* _Problem to work on_
When the line containing "END-ISO-10303-21;" appears in the data below, begin copying there and stop only after the line containing "building model written".

* _Information shown_
..........
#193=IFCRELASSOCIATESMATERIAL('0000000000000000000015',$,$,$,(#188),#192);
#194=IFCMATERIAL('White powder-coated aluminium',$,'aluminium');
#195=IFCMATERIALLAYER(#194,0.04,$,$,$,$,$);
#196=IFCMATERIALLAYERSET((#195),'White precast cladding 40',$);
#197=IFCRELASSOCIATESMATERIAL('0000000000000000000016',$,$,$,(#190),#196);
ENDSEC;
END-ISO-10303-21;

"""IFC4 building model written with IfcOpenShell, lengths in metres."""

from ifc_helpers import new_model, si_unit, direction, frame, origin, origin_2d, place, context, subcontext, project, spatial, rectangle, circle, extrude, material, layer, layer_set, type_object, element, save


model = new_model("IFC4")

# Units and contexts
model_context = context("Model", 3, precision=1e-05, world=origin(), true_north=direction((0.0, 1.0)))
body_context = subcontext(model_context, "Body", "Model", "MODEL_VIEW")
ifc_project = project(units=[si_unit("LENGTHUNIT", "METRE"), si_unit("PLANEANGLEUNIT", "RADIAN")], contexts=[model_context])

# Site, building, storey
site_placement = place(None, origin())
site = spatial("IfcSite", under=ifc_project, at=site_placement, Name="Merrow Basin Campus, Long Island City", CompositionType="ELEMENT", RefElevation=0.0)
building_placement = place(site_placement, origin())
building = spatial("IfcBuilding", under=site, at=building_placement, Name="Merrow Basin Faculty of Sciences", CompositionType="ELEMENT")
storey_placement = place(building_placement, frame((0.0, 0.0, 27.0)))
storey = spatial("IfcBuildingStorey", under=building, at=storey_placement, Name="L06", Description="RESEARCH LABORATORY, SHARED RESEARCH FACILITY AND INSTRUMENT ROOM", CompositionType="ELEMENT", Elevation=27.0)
..........
* _Final answer_
END-ISO-10303-21;

"""IFC4 building model written with IfcOpenShell, lengths in metres."""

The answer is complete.